- **INSTRUCTIONS FOR THE TASK**
Out of the listing below, copy every line that carries the string "beam".

- **PROVIDED RECORDS**
^^^^^^^^

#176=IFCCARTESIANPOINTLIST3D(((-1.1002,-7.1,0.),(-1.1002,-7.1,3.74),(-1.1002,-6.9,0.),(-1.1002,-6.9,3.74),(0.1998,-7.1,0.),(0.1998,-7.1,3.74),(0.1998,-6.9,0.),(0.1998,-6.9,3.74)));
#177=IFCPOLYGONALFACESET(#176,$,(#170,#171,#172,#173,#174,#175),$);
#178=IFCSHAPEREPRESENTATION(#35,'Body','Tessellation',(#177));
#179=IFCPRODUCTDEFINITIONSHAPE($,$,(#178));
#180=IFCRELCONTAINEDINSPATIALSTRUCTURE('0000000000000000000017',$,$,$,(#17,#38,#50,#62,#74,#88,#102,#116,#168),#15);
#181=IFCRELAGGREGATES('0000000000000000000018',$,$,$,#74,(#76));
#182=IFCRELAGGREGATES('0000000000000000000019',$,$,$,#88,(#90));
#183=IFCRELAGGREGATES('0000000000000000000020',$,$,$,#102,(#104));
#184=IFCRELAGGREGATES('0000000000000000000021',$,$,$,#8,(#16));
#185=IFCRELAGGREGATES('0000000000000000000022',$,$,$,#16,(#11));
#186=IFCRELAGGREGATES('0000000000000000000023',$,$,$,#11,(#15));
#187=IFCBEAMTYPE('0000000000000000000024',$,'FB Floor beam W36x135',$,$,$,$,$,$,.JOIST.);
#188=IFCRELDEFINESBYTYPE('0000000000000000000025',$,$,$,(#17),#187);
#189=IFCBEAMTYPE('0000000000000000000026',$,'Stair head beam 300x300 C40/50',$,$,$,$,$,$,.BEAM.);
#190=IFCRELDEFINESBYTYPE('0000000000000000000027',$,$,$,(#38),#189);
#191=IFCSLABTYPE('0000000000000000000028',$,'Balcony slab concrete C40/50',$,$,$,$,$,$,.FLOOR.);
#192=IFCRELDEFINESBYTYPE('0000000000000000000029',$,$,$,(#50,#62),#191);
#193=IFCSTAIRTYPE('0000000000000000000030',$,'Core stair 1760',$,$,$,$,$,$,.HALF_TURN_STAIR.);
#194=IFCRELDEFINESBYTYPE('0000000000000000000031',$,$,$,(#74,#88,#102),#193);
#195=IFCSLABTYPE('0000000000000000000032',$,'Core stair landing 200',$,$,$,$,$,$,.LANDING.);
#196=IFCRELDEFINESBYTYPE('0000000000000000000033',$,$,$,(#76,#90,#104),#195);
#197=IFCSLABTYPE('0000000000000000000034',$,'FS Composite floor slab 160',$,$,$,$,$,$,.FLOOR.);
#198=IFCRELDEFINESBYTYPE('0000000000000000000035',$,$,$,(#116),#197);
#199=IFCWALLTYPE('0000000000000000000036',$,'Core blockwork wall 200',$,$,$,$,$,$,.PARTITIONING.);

^^^^^^^^

- **EXERCISE RESULT**
#187=IFCBEAMTYPE('0000000000000000000024',$,'FB Floor beam W36x135',$,$,$,$,$,$,.JOIST.);
#189=IFCBEAMTYPE('0000000000000000000026',$,'Stair head beam 300x300 C40/50',$,$,$,$,$,$,.BEAM.);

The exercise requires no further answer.